• _Exercise description_: The response must hold only the lines from the line containing "#108=IFCINDEXEDPOLYGONALFACE((17,18,20,19));" through the end of the listing, exactly as written.

_ _ _

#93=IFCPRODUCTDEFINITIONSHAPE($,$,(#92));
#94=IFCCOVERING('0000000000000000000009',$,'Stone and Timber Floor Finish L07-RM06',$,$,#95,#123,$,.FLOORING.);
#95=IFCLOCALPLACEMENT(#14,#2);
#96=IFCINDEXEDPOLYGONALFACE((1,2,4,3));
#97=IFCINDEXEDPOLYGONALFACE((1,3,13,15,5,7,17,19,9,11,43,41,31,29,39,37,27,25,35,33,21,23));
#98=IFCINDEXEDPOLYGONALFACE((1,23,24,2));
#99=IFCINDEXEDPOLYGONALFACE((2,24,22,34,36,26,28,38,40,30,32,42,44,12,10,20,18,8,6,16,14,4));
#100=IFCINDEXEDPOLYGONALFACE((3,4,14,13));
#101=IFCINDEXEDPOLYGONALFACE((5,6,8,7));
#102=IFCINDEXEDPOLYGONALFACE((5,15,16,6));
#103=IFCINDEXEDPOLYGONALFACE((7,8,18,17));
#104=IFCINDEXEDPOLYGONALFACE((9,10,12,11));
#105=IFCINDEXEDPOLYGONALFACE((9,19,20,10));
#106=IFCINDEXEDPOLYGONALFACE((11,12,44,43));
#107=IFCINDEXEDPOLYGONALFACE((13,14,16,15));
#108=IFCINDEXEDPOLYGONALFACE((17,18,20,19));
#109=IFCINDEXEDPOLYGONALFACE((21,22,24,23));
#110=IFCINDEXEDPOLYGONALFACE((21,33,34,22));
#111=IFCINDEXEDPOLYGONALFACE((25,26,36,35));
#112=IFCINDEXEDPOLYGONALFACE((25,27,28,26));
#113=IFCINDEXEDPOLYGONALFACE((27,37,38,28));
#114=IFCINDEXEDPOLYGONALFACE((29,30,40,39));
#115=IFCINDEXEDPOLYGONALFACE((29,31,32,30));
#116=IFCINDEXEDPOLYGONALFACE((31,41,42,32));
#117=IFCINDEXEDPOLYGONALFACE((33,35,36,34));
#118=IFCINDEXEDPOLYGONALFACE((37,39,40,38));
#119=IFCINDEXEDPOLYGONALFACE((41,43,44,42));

_ _ _

• _Response to this task_:
#108=IFCINDEXEDPOLYGONALFACE((17,18,20,19));
#109=IFCINDEXEDPOLYGONALFACE((21,22,24,23));
#110=IFCINDEXEDPOLYGONALFACE((21,33,34,22));
#111=IFCINDEXEDPOLYGONALFACE((25,26,36,35));
#112=IFCINDEXEDPOLYGONALFACE((25,27,28,26));
#113=IFCINDEXEDPOLYGONALFACE((27,37,38,28));
#114=IFCINDEXEDPOLYGONALFACE((29,30,40,39));
#115=IFCINDEXEDPOLYGONALFACE((29,31,32,30));
#116=IFCINDEXEDPOLYGONALFACE((31,41,42,32));
#117=IFCINDEXEDPOLYGONALFACE((33,35,36,34));
#118=IFCINDEXEDPOLYGONALFACE((37,39,40,38));
#119=IFCINDEXEDPOLYGONALFACE((41,43,44,42));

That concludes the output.